▶ **What the exercise asks**
Among the lines of the entries below, count those containing the word "Concrete" and answer with the number only.

▶ **Supplied records**
=== Begin Enclosure ===

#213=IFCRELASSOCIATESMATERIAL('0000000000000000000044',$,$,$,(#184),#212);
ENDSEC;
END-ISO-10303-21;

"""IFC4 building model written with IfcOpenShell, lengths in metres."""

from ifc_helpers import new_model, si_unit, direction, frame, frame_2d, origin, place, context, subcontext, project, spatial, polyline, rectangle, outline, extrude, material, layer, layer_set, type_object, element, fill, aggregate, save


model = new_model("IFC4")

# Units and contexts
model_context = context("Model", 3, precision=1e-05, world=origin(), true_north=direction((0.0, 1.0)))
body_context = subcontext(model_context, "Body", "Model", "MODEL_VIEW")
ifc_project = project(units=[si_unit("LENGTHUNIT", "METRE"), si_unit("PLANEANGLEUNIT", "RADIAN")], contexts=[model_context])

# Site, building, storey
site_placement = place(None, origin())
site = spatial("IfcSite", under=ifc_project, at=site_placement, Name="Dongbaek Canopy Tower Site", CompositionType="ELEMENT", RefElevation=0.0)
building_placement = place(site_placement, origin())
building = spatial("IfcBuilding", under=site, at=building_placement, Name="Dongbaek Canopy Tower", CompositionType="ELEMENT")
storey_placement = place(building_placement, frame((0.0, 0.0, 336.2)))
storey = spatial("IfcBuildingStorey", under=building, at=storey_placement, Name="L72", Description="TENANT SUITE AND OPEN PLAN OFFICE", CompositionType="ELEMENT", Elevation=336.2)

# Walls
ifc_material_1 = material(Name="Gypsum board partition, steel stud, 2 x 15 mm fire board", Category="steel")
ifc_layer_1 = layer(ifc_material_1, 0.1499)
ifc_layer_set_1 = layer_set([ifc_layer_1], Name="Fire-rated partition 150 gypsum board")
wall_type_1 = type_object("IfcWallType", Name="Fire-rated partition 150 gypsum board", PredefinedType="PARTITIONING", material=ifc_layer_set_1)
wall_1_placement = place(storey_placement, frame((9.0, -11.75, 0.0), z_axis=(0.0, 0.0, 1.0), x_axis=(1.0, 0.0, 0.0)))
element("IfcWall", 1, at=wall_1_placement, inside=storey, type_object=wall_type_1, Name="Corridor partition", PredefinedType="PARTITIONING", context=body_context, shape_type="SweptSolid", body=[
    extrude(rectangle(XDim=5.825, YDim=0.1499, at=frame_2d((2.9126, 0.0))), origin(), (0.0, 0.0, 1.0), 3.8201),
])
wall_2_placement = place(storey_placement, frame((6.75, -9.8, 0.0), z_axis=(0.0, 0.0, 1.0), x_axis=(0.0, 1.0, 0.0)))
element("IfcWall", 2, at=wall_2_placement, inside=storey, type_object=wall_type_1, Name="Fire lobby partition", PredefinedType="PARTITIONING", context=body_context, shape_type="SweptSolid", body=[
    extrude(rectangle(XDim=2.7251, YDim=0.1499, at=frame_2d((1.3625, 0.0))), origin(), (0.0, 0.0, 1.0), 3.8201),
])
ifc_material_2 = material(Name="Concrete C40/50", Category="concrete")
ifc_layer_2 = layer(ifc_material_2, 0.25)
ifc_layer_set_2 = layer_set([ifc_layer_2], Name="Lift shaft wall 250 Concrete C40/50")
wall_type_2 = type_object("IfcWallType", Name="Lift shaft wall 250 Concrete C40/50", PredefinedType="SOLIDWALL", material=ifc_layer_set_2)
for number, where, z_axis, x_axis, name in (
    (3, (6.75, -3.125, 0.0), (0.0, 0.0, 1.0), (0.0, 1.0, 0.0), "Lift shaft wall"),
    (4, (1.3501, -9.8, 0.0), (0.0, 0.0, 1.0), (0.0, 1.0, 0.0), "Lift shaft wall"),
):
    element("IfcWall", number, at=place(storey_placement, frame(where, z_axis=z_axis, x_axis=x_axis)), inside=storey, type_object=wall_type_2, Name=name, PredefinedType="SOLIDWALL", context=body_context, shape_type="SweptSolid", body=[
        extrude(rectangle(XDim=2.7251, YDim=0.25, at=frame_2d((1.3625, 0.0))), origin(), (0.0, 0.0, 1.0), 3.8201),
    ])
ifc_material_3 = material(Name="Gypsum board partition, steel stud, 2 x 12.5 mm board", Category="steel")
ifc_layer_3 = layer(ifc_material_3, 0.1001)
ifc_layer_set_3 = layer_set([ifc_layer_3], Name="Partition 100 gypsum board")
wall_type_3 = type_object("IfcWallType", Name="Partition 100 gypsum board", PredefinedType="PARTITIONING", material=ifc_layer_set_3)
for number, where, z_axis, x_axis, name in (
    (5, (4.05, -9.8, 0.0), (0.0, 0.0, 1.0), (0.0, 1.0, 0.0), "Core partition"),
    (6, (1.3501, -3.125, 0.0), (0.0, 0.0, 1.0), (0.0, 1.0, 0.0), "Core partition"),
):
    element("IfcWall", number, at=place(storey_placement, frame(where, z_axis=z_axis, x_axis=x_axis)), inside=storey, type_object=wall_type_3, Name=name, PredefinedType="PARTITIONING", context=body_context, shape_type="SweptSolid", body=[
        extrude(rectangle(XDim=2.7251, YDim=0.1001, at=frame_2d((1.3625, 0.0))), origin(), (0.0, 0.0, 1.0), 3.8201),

=== End Enclosure ===

▶ **Exercise result**
3